• [Material for the task]
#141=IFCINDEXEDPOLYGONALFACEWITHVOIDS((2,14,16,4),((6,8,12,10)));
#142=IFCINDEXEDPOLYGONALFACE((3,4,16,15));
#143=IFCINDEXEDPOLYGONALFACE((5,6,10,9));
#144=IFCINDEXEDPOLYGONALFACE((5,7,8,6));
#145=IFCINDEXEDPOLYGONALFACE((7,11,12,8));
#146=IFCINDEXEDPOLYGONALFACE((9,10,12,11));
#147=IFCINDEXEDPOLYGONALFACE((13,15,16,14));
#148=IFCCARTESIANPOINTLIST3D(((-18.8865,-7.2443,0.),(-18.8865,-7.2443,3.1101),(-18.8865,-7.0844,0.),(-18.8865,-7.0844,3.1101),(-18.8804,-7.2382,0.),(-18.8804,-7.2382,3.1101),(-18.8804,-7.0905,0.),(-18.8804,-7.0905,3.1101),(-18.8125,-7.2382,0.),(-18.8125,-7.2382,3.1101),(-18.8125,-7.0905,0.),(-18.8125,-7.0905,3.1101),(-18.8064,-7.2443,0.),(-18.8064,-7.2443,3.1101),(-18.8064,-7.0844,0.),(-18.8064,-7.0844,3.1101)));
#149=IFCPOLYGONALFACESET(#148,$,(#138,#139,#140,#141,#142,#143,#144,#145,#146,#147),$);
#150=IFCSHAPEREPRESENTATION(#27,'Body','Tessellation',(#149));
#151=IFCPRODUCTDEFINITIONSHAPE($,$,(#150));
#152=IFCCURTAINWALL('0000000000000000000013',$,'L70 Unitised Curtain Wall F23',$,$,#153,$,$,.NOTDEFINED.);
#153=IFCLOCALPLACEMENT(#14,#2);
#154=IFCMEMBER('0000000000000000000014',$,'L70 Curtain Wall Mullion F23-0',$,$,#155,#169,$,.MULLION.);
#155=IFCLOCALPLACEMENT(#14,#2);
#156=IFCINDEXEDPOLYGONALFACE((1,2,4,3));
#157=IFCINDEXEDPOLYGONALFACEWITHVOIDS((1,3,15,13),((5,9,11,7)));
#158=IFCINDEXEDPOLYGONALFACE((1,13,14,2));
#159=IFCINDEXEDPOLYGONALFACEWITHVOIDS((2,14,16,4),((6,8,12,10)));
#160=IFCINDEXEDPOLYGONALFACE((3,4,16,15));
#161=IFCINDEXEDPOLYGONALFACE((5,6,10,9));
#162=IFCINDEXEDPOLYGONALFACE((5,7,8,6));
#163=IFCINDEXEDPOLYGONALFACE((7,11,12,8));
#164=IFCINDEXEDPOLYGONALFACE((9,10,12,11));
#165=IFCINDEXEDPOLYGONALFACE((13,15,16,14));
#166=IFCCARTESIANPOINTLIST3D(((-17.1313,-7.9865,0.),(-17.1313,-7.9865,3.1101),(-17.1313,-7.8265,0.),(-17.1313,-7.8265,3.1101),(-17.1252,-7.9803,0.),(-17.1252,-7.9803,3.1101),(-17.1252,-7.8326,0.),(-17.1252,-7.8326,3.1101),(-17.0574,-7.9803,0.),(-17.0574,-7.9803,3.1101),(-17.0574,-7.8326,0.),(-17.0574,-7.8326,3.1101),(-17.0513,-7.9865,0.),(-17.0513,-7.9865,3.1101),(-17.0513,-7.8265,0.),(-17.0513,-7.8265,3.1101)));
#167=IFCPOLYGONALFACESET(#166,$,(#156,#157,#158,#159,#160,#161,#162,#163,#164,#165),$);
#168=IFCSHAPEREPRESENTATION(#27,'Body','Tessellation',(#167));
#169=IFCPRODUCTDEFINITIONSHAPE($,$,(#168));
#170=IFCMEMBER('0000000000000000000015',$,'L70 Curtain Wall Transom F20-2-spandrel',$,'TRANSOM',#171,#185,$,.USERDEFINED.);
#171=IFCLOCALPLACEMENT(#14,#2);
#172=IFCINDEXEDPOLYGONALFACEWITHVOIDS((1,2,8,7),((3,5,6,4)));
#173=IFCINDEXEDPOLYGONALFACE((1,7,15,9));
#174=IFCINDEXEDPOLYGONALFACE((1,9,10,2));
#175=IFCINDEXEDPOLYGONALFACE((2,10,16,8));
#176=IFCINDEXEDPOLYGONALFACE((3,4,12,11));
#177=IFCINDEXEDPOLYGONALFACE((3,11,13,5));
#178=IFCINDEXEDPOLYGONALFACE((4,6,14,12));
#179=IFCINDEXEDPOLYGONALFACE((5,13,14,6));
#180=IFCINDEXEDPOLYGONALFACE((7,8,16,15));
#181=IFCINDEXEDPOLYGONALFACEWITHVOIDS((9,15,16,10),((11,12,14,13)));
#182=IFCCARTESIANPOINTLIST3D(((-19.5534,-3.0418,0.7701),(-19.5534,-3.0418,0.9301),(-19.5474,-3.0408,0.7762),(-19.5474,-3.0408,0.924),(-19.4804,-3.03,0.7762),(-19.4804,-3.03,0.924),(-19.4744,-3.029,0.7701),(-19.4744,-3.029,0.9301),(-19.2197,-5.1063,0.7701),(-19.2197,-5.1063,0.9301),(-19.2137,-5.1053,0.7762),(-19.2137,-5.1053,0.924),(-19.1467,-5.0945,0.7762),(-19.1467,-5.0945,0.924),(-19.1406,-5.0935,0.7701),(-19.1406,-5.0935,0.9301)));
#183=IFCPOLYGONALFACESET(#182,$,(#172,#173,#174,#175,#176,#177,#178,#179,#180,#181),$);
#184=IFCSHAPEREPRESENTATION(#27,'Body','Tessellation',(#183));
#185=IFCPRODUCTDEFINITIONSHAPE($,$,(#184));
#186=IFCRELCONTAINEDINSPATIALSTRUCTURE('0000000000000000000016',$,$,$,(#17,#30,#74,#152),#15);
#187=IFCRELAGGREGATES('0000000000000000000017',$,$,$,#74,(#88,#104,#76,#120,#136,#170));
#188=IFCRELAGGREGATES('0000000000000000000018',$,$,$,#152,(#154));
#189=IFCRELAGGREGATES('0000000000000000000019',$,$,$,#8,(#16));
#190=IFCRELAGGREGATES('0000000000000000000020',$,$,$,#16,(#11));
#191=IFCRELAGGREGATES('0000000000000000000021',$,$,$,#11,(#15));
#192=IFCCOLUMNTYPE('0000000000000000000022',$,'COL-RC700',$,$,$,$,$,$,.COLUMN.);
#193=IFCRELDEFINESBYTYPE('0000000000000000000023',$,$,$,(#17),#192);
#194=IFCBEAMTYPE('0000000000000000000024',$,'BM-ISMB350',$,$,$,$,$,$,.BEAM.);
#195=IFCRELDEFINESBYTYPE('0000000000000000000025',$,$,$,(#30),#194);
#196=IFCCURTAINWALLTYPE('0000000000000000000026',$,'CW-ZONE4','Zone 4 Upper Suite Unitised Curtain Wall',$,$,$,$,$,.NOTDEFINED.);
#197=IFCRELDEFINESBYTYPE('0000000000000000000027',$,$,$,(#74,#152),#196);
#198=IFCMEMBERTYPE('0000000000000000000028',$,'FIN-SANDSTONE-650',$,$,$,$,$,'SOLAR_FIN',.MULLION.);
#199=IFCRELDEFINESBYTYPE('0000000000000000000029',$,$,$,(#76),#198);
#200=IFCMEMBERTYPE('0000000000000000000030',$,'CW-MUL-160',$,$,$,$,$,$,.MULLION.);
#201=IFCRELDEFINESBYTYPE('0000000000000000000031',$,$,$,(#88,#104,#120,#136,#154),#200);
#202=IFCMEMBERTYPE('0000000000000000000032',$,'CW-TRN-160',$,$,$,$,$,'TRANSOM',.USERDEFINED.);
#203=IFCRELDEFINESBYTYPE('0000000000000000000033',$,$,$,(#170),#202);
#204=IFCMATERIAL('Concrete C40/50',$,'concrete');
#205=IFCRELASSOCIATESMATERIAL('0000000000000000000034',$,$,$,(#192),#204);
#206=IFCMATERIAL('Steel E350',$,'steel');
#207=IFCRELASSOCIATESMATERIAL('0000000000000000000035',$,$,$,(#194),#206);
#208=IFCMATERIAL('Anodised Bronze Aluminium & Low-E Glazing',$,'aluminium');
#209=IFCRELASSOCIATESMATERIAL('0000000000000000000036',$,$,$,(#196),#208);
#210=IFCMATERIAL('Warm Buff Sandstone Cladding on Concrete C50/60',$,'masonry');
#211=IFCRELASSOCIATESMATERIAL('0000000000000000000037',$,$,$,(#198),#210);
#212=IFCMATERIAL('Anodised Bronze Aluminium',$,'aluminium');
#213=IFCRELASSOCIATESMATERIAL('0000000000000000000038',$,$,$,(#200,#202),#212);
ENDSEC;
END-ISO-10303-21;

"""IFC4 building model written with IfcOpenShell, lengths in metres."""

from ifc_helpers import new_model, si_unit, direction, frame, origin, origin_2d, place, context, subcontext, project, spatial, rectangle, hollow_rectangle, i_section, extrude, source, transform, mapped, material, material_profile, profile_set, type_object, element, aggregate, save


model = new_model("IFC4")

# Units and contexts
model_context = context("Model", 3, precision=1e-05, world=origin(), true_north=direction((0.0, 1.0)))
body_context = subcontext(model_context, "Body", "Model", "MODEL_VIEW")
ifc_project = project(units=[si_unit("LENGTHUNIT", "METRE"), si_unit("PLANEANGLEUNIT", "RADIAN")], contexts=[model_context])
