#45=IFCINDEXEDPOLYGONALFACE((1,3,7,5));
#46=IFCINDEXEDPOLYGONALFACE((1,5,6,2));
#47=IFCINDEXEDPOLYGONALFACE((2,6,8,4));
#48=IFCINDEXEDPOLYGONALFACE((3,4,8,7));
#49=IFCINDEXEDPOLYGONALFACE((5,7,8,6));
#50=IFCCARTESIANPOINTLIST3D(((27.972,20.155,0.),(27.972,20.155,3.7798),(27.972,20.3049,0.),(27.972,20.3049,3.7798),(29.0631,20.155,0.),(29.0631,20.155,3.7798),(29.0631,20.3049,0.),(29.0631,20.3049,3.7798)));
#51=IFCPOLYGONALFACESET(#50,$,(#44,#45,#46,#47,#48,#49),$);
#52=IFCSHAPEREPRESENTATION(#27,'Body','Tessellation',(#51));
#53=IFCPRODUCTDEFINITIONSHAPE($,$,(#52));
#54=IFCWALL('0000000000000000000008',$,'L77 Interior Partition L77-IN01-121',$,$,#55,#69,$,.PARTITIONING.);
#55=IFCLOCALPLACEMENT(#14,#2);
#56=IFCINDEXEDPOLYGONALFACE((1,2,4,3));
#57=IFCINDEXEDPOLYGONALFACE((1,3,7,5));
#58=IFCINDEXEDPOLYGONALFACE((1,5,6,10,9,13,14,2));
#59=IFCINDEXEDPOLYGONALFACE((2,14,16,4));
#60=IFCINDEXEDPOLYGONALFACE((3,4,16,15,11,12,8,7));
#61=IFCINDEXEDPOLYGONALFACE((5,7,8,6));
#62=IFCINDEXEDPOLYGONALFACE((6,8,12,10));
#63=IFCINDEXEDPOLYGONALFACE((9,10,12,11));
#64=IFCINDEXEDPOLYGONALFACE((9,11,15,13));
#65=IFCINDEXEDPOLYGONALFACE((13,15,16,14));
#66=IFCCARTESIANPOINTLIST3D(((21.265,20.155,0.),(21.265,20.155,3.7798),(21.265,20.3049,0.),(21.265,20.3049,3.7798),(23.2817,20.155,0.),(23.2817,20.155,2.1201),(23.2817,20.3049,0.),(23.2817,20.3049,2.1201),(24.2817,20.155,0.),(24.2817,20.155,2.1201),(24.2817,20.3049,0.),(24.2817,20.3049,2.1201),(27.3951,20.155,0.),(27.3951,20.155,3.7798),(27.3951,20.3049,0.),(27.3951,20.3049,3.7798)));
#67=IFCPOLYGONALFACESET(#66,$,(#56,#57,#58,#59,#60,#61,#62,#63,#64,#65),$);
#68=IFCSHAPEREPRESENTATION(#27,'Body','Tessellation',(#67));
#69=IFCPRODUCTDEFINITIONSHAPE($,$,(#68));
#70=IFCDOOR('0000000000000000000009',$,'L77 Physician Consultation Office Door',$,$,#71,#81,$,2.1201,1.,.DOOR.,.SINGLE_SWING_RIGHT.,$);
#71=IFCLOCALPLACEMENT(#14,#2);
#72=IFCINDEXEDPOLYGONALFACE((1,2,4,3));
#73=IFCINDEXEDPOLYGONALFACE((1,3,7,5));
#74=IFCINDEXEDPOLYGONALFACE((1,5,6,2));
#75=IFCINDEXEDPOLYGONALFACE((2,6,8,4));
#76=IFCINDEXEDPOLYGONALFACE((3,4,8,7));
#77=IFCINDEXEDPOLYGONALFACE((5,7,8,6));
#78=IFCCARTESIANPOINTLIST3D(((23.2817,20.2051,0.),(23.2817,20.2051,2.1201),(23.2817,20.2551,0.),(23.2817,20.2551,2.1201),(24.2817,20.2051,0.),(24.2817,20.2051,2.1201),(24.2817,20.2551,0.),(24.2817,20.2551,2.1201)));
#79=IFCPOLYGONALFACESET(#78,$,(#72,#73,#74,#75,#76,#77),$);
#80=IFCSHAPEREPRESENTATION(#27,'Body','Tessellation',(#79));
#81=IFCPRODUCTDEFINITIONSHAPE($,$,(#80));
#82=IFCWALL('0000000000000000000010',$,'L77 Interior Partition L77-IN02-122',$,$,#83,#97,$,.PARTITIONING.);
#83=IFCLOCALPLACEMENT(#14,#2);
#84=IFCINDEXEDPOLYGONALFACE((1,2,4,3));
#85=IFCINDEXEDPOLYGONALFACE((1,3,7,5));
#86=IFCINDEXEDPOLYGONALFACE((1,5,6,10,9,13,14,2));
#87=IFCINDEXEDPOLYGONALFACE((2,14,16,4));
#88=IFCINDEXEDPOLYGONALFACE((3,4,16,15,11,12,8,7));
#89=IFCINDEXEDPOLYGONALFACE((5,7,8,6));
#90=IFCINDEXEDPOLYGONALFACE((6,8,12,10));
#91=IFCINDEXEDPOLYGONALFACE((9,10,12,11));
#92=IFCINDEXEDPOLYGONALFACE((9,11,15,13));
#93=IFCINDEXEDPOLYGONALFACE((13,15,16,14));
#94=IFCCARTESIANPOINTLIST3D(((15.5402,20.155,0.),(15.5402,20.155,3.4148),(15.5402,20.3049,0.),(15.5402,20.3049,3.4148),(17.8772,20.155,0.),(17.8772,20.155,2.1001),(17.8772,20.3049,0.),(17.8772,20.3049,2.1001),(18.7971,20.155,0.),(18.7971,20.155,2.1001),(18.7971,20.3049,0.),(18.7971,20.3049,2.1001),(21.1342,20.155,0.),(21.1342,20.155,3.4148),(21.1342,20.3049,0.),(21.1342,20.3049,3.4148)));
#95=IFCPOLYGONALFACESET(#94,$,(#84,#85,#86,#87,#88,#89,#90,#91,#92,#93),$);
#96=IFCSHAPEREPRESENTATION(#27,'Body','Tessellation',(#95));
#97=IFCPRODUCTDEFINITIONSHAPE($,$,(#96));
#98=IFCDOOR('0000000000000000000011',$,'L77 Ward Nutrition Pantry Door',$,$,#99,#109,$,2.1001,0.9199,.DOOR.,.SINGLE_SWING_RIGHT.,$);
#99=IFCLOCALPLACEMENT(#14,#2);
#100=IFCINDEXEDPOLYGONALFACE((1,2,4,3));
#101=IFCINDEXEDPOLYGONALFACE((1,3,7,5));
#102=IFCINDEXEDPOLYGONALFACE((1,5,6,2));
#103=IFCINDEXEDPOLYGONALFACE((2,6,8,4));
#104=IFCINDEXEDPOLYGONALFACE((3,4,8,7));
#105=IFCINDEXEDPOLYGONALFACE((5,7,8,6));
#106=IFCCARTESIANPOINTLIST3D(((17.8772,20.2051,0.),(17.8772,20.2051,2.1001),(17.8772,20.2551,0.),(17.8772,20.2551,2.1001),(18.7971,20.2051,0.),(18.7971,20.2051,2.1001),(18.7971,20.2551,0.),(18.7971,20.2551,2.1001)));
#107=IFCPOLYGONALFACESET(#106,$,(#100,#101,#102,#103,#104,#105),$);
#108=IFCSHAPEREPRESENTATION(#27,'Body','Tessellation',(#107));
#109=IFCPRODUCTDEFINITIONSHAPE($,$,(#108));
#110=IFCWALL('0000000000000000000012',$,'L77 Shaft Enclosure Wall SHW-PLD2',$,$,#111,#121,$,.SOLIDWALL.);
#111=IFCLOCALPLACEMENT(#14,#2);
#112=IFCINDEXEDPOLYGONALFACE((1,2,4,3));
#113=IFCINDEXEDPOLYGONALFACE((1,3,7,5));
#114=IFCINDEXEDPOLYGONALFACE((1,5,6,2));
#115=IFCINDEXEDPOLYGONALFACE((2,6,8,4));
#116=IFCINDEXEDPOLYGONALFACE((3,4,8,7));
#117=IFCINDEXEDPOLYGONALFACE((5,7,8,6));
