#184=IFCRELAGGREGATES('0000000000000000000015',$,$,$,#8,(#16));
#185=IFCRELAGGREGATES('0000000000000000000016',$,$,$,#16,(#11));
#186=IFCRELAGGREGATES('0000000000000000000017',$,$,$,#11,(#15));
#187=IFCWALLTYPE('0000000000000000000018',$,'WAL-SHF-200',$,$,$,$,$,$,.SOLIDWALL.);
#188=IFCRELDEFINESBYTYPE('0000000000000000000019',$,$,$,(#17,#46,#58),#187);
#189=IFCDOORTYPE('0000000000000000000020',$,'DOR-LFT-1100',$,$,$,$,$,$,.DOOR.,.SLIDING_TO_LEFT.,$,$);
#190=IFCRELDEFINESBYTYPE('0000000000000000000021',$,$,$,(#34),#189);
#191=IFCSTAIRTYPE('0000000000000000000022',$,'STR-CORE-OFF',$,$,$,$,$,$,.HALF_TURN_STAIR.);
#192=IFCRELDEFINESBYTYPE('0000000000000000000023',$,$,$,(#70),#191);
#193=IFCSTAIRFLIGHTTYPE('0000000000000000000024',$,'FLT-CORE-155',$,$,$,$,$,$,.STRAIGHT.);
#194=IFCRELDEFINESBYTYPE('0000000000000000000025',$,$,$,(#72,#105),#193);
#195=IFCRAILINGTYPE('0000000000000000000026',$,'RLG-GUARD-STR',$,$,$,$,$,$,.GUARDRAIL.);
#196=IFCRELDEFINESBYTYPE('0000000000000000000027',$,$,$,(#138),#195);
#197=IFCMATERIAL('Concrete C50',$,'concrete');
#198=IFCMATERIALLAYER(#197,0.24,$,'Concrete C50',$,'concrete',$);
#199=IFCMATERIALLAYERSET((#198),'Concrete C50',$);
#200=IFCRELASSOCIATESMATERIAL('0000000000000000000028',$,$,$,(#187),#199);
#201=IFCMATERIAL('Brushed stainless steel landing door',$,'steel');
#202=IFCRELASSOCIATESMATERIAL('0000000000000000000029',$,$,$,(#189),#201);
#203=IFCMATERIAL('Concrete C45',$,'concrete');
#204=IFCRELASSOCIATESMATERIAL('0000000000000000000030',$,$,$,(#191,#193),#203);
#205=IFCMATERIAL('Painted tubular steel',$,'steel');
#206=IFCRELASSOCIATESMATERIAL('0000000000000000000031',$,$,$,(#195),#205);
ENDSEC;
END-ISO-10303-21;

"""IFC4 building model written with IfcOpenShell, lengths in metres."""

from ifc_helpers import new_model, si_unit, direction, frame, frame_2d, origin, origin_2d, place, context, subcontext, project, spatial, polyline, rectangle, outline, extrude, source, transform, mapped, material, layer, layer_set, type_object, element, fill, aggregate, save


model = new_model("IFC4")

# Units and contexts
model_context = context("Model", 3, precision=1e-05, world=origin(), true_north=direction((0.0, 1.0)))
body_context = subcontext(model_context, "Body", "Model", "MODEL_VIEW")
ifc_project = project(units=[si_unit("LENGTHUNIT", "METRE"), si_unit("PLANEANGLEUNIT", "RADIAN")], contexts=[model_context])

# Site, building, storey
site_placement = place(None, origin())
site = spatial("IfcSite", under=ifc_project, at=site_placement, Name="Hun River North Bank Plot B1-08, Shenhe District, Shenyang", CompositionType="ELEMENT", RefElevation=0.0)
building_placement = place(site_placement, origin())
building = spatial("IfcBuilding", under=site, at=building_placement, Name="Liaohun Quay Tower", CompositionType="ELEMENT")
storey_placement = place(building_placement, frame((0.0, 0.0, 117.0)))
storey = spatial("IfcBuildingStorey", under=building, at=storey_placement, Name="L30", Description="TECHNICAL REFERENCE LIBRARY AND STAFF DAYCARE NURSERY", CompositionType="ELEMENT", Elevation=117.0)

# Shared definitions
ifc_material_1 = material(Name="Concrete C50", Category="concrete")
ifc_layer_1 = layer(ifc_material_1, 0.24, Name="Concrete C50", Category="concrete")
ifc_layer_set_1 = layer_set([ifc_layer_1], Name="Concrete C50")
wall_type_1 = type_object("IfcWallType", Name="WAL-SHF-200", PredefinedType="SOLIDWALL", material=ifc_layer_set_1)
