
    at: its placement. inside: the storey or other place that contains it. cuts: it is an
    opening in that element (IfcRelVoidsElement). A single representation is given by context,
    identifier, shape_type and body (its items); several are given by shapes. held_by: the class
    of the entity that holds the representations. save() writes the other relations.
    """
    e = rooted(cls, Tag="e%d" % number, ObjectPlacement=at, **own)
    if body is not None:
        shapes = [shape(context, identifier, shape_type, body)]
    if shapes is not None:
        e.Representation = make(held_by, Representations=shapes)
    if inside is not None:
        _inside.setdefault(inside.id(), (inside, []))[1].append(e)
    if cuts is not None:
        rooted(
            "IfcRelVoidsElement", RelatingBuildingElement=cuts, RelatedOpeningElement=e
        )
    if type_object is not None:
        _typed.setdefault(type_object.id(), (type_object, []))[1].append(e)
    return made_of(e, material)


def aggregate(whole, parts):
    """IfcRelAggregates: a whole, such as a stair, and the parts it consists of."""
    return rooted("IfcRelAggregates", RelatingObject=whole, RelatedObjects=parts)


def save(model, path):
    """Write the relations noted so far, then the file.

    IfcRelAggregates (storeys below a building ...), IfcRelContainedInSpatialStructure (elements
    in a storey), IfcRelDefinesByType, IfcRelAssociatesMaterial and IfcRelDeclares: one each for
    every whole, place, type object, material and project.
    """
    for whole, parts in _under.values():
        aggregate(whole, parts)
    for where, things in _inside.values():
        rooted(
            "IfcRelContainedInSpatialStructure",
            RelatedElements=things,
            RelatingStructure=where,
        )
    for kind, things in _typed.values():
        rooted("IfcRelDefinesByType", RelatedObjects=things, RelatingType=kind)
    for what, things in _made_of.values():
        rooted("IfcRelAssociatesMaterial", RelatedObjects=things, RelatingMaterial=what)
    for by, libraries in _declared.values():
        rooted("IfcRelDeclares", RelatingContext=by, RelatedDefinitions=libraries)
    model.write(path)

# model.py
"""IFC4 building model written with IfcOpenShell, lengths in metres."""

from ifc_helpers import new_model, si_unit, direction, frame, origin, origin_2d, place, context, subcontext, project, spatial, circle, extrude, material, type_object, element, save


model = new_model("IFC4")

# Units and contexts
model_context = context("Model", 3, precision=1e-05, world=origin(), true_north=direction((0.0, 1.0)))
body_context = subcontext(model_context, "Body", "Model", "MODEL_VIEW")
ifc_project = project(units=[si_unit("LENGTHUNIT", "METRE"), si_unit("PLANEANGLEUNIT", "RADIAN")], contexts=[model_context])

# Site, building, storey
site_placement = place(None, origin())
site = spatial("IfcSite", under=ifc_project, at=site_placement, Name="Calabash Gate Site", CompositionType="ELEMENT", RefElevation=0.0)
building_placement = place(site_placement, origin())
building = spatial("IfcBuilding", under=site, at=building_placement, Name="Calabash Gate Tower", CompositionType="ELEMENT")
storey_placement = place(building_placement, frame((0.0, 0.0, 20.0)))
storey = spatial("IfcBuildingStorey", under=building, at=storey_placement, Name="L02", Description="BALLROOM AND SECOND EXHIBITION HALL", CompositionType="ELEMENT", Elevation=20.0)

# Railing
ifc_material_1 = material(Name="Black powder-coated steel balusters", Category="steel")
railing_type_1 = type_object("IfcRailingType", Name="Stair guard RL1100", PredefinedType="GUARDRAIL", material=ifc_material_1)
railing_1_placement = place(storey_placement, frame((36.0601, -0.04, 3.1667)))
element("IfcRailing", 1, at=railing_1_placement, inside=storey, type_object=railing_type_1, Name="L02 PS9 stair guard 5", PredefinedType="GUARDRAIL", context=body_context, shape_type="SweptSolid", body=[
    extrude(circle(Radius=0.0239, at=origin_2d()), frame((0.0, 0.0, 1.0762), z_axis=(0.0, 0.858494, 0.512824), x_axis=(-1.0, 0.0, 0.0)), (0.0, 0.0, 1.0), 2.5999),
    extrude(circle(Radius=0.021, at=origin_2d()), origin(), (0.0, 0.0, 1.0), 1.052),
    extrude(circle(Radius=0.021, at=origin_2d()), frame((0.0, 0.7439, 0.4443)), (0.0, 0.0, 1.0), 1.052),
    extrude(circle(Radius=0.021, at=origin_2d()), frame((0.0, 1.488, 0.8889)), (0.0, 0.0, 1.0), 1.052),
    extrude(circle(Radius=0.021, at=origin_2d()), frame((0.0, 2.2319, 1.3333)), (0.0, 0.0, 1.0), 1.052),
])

• [What to work on] Each line that mentions the string "whole" must be copied from the listing.

• [Exercise solution]
def aggregate(whole, parts):
    """IfcRelAggregates: a whole, such as a stair, and the parts it consists of."""
    return rooted("IfcRelAggregates", RelatingObject=whole, RelatedObjects=parts)
    every whole, place, type object, material and project.
    for whole, parts in _under.values():
        aggregate(whole, parts)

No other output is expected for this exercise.